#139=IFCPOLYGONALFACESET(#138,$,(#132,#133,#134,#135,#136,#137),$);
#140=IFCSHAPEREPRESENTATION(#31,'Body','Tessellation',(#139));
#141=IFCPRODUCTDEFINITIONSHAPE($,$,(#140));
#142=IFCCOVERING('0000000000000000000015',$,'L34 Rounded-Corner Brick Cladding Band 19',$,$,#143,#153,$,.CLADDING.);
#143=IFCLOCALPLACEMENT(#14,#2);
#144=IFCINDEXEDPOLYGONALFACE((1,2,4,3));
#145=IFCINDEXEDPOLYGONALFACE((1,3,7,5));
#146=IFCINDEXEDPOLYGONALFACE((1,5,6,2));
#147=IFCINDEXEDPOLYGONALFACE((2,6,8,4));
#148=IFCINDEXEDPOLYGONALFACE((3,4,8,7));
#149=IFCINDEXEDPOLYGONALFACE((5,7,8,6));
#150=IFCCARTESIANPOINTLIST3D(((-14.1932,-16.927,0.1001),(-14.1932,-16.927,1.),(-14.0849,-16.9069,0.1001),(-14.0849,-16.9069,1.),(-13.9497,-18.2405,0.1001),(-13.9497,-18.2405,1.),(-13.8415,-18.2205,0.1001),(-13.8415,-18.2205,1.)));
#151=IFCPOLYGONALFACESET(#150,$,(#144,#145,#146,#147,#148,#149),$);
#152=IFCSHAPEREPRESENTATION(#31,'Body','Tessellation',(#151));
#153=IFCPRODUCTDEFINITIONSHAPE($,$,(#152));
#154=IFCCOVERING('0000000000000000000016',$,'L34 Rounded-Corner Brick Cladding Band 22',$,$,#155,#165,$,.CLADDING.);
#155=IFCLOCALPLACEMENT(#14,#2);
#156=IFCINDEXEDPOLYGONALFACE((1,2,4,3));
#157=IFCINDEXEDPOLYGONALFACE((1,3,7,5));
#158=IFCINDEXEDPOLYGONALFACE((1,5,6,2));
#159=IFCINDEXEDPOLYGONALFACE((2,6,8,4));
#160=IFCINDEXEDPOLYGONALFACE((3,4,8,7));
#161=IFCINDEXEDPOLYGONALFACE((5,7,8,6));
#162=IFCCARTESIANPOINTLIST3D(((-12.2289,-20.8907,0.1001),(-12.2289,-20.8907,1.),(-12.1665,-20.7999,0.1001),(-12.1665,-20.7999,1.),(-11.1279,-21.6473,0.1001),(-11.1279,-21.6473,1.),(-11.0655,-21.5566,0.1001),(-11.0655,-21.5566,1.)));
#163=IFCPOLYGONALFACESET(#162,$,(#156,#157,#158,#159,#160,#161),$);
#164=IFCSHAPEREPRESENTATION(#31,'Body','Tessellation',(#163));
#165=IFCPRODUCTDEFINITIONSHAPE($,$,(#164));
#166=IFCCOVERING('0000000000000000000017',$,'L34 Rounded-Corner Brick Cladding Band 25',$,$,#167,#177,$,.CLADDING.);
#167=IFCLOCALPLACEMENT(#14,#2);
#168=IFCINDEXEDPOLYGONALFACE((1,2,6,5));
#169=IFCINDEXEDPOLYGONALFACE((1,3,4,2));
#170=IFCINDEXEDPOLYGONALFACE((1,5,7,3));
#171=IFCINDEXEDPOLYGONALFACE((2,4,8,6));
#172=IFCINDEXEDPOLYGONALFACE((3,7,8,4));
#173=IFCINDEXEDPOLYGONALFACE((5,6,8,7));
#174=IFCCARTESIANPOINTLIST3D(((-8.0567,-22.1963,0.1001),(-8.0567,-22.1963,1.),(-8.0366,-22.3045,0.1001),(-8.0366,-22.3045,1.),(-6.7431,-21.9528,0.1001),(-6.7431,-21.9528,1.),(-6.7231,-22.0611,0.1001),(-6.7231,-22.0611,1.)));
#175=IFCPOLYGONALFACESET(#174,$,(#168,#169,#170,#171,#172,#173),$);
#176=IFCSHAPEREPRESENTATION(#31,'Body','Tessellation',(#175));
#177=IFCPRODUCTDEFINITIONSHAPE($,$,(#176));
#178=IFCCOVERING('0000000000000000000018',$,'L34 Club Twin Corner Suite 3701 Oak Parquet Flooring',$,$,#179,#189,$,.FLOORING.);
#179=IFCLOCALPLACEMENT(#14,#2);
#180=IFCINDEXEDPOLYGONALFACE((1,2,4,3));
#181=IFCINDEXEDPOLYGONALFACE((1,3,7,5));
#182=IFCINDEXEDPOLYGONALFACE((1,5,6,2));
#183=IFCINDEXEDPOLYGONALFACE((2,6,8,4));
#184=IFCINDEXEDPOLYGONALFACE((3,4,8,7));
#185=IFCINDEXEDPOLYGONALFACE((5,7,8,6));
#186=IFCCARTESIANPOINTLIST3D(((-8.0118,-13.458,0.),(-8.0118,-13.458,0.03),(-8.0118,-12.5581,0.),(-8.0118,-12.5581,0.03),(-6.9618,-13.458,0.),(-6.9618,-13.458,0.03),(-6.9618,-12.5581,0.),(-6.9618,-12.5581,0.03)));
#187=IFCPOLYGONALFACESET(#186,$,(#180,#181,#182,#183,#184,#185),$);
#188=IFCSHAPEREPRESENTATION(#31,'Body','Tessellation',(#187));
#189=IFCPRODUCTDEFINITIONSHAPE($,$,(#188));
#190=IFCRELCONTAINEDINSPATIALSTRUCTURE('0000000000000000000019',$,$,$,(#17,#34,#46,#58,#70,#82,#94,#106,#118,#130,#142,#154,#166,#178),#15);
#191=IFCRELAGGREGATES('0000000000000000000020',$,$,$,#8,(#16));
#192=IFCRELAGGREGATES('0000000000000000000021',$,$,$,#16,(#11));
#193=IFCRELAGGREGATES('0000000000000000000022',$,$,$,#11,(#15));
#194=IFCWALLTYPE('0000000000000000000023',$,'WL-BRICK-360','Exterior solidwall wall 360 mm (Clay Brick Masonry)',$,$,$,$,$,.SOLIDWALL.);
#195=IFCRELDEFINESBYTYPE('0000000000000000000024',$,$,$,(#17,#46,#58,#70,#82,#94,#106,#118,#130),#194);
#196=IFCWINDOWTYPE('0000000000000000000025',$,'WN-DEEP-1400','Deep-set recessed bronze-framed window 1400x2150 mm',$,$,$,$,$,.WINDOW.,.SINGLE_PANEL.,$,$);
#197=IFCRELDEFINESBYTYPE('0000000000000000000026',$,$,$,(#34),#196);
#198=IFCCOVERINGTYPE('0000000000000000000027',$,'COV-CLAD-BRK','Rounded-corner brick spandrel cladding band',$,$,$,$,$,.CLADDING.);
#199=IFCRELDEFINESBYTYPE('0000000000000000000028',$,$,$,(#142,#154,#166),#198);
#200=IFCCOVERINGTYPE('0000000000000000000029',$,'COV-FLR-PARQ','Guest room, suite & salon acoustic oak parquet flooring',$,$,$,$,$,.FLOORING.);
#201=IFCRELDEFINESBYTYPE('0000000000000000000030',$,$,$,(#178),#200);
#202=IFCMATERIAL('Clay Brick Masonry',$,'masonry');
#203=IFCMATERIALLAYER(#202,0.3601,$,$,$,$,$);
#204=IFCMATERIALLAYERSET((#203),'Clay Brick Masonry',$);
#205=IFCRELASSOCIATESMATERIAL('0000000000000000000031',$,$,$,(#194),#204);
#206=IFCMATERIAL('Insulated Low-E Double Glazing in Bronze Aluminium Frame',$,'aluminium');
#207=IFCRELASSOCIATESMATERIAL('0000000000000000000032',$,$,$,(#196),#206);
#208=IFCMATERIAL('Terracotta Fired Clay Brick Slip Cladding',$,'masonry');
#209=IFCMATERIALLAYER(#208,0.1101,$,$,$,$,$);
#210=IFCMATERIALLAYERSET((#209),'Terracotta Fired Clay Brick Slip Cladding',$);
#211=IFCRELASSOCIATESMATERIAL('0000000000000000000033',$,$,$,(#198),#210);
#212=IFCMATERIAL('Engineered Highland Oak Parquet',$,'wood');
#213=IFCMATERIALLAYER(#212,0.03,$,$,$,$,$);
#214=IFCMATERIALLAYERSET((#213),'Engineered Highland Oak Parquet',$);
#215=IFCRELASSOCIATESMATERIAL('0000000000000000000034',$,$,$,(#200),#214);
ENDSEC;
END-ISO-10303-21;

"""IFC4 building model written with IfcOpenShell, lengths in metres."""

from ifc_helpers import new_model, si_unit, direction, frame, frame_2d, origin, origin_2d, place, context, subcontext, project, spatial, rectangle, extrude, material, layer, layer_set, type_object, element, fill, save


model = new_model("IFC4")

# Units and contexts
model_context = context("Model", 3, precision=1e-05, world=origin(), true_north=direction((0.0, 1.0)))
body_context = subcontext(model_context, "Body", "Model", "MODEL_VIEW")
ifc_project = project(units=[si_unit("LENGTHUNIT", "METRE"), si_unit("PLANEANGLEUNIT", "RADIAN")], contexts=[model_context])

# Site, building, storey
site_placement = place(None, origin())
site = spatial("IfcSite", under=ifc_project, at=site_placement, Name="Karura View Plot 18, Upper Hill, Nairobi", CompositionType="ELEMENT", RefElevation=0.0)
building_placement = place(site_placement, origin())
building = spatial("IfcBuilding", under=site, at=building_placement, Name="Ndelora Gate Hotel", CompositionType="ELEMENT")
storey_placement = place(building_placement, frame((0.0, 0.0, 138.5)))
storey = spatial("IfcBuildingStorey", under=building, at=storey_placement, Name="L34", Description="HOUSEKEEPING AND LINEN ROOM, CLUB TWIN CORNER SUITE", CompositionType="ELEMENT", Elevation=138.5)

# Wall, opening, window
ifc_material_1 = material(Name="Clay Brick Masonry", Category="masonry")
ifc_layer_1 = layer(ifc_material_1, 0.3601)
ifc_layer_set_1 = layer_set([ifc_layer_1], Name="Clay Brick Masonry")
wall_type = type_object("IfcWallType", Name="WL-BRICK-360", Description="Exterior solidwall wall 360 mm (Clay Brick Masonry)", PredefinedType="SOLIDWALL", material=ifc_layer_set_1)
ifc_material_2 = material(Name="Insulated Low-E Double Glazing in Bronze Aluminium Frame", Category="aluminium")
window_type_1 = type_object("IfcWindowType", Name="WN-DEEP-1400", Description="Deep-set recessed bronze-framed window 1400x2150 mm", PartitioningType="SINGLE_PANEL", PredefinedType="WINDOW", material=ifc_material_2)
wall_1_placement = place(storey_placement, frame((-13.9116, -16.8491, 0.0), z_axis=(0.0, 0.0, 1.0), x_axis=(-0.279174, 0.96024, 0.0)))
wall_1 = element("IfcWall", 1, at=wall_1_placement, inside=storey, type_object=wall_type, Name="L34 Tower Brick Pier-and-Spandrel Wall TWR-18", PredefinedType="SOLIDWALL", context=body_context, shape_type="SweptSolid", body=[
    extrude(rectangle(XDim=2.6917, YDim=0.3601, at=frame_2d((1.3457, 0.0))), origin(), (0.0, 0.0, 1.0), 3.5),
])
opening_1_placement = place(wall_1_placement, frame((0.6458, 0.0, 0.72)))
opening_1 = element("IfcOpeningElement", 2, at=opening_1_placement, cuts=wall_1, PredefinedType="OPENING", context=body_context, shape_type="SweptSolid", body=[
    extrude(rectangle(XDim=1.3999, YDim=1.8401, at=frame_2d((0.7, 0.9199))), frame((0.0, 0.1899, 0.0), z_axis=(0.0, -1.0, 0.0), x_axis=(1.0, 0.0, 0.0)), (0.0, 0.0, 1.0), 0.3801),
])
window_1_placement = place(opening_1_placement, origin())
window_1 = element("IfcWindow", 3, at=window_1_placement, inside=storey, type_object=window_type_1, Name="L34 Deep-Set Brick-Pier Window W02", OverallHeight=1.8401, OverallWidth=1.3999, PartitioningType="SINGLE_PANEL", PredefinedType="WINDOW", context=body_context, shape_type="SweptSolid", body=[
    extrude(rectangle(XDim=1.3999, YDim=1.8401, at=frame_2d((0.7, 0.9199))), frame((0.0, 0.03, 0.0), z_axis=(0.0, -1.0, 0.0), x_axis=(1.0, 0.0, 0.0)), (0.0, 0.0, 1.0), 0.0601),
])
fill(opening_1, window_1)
____
## WORK INSTRUCTIONS
Copy down every line of the entries containing the word "direction".

## WRITTEN ANSWER
from ifc_helpers import new_model, si_unit, direction, frame, frame_2d, origin, origin_2d, place, context, subcontext, project, spatial, rectangle, extrude, material, layer, layer_set, type_object, element, fill, save
model_context = context("Model", 3, precision=1e-05, world=origin(), true_north=direction((0.0, 1.0)))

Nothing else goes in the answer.